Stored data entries
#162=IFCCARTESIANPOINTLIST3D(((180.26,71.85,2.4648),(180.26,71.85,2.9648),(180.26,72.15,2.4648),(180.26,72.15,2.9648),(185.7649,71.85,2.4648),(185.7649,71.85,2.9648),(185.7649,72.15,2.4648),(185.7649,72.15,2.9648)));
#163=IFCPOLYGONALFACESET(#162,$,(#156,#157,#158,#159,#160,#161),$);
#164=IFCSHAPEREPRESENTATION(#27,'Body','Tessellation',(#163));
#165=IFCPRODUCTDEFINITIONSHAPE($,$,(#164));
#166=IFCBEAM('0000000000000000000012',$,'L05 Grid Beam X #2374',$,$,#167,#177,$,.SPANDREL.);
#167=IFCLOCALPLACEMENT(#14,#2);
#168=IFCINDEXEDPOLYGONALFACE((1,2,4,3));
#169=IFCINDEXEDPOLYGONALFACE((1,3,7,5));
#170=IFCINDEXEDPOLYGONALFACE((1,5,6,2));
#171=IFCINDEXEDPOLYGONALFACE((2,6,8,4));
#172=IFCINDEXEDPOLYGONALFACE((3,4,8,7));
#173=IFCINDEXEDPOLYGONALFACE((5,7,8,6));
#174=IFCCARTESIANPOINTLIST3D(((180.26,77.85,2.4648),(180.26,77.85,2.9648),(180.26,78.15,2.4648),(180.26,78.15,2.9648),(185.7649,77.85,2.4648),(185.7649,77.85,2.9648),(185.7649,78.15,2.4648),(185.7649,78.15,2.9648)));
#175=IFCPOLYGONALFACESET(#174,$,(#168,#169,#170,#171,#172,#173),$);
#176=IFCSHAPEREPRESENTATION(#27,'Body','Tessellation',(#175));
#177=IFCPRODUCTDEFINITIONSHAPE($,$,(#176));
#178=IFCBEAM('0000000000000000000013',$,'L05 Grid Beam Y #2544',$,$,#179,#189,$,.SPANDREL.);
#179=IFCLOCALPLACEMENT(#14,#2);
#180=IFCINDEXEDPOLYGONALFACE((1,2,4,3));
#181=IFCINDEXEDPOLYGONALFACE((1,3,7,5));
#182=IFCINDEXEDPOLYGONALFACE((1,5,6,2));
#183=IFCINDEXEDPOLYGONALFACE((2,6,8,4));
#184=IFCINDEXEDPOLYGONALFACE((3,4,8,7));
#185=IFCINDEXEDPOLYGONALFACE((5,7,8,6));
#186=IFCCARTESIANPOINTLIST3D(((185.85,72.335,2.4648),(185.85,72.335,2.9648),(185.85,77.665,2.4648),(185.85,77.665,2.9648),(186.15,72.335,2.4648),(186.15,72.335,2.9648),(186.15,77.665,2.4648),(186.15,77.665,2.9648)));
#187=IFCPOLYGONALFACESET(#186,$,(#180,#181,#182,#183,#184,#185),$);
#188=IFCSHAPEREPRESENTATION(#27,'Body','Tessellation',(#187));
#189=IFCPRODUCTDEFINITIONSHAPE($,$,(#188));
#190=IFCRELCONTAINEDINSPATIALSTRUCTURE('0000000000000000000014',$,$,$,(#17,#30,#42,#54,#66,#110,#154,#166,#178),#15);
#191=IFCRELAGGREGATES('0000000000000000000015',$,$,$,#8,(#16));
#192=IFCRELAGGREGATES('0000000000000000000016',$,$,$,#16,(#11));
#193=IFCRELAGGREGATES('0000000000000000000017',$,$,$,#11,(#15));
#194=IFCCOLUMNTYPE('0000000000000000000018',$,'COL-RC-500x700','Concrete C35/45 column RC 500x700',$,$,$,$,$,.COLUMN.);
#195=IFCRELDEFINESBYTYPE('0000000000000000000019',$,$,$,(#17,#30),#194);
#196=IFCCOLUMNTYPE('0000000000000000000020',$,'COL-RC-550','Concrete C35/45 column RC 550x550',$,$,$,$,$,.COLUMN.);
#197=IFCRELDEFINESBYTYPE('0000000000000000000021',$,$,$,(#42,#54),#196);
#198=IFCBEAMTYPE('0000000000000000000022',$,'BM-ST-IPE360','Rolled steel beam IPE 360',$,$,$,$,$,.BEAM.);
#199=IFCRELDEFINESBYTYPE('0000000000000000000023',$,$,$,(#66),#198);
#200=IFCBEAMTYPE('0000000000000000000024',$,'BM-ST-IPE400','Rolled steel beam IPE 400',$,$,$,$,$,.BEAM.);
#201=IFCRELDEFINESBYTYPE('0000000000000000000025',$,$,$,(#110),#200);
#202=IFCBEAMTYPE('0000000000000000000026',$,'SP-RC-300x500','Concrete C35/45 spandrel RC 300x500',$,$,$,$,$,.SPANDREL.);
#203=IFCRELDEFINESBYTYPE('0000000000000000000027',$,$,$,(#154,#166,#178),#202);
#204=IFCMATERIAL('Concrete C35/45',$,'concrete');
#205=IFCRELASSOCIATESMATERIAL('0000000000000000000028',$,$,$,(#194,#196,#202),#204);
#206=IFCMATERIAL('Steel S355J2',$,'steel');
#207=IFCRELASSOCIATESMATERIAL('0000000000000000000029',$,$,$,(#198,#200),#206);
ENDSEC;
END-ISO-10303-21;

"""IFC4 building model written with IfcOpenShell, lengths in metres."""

▶ PROBLEM DESCRIPTION
Scan the entries above for the word "COLUMN", then copy every line in which it occurs.

▶ RESPONSE
#194=IFCCOLUMNTYPE('0000000000000000000018',$,'COL-RC-500x700','Concrete C35/45 column RC 500x700',$,$,$,$,$,.COLUMN.);
#196=IFCCOLUMNTYPE('0000000000000000000020',$,'COL-RC-550','Concrete C35/45 column RC 550x550',$,$,$,$,$,.COLUMN.);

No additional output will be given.